TASK TO COMPLETE: How many lines in the material below include the string "save"? Answer with the number only.

--

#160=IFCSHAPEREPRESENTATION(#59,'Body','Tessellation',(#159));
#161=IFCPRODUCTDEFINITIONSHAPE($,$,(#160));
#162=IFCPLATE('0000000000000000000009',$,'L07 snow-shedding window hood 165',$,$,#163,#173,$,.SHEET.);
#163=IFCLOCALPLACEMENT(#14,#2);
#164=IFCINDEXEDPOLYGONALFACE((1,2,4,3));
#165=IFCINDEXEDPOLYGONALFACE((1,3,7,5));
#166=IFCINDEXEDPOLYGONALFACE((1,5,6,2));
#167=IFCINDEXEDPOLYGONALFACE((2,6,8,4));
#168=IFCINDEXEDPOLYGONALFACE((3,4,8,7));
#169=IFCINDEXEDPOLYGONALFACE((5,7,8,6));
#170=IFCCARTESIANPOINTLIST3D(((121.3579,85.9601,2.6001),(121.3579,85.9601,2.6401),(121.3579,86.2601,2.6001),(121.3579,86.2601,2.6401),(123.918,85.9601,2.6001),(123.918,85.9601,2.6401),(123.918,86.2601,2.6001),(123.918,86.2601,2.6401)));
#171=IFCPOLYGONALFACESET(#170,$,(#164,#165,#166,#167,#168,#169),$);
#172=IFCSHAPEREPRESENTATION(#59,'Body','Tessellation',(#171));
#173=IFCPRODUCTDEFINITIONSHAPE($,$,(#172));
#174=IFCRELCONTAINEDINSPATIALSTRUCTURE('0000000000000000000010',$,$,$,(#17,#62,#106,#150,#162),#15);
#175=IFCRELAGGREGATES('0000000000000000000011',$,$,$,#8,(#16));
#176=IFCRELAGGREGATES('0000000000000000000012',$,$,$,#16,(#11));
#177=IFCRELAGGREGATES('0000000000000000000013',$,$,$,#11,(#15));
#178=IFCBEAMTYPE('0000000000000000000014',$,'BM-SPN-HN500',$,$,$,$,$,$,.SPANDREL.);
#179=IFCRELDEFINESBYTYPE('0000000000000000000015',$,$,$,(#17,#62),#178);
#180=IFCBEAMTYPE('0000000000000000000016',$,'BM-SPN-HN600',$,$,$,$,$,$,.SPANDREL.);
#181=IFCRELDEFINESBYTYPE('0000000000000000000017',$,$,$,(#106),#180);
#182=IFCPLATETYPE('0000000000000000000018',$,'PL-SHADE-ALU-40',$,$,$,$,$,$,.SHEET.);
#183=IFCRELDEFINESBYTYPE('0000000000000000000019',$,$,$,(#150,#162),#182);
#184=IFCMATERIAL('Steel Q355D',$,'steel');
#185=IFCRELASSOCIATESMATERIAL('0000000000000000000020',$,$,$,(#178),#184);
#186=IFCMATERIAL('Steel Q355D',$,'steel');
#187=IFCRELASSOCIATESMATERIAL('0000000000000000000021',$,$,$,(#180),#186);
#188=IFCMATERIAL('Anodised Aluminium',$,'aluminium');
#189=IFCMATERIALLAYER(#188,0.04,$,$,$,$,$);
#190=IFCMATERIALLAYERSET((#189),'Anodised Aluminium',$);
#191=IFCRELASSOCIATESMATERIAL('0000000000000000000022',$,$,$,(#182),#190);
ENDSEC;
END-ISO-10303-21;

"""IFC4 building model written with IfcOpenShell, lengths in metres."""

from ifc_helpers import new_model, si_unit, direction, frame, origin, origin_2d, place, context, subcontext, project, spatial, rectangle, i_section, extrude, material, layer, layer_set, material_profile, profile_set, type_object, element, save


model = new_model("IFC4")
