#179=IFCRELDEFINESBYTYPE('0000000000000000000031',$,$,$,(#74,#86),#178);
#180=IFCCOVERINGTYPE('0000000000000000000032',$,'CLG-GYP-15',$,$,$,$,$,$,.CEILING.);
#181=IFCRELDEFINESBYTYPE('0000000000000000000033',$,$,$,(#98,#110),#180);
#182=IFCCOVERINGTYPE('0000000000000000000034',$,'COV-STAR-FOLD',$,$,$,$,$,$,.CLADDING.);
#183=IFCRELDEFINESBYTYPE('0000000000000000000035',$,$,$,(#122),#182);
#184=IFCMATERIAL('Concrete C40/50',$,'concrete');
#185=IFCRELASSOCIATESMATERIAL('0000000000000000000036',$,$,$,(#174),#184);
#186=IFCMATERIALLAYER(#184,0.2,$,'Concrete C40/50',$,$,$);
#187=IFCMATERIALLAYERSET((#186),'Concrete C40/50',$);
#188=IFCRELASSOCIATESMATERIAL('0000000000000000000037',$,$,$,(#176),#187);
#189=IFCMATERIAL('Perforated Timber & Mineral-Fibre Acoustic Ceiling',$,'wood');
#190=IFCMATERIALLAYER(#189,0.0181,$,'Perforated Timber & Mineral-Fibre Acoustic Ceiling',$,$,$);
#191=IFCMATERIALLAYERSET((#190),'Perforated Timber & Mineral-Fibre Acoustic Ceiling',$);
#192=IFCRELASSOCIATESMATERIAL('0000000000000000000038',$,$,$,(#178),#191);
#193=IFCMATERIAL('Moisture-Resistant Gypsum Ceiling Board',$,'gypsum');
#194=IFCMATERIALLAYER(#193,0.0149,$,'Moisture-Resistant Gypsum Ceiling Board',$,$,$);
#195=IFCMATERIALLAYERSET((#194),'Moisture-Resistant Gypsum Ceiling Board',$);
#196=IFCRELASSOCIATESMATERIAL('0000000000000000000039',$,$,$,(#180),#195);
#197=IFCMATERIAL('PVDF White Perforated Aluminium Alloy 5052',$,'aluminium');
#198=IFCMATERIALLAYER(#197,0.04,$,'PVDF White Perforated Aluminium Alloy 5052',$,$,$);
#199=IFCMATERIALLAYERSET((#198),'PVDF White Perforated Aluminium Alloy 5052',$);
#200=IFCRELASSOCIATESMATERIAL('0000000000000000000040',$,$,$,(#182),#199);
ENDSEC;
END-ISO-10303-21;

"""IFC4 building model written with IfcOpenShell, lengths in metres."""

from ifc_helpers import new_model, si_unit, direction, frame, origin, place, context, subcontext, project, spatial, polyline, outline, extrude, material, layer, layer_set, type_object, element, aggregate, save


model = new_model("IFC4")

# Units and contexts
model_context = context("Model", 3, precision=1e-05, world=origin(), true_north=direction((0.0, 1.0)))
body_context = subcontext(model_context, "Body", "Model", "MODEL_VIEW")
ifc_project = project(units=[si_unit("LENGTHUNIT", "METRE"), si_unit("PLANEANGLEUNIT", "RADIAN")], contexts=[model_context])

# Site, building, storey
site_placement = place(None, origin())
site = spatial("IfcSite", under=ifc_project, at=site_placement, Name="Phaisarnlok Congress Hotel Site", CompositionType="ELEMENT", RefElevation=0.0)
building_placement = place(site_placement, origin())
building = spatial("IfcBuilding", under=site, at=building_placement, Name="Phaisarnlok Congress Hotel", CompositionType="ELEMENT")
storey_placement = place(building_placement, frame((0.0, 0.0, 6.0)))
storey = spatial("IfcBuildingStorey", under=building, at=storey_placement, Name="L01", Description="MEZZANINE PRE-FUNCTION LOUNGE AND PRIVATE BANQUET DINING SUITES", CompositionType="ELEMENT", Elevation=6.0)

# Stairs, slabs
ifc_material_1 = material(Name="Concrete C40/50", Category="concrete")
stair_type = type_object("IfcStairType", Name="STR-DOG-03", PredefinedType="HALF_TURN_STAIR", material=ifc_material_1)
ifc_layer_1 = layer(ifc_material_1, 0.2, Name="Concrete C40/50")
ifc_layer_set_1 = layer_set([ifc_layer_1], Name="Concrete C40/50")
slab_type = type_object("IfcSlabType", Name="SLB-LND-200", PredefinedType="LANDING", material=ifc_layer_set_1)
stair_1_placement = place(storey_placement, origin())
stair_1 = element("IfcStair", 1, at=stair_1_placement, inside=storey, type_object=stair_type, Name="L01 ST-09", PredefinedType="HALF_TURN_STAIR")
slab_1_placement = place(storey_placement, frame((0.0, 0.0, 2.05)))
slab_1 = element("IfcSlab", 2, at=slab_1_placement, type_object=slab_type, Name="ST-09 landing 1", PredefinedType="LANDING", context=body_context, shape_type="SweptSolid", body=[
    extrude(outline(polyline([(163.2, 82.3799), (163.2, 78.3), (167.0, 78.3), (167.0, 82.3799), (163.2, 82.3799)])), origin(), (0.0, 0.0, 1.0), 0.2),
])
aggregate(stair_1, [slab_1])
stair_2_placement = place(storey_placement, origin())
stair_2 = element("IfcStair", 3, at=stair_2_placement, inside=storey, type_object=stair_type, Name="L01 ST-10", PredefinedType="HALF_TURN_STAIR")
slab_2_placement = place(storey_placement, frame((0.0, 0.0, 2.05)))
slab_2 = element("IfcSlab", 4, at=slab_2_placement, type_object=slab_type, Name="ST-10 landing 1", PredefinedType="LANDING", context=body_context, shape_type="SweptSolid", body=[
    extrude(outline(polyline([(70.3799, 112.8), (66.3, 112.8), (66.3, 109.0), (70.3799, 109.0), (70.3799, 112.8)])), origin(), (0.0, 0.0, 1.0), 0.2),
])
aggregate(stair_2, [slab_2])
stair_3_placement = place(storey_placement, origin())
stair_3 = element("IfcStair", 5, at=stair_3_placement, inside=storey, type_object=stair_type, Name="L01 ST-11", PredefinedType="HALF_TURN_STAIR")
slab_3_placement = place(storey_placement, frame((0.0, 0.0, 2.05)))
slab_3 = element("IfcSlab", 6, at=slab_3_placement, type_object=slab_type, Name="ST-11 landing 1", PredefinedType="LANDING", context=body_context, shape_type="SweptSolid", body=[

--

OUTPUT OF THE EXERCISE: 2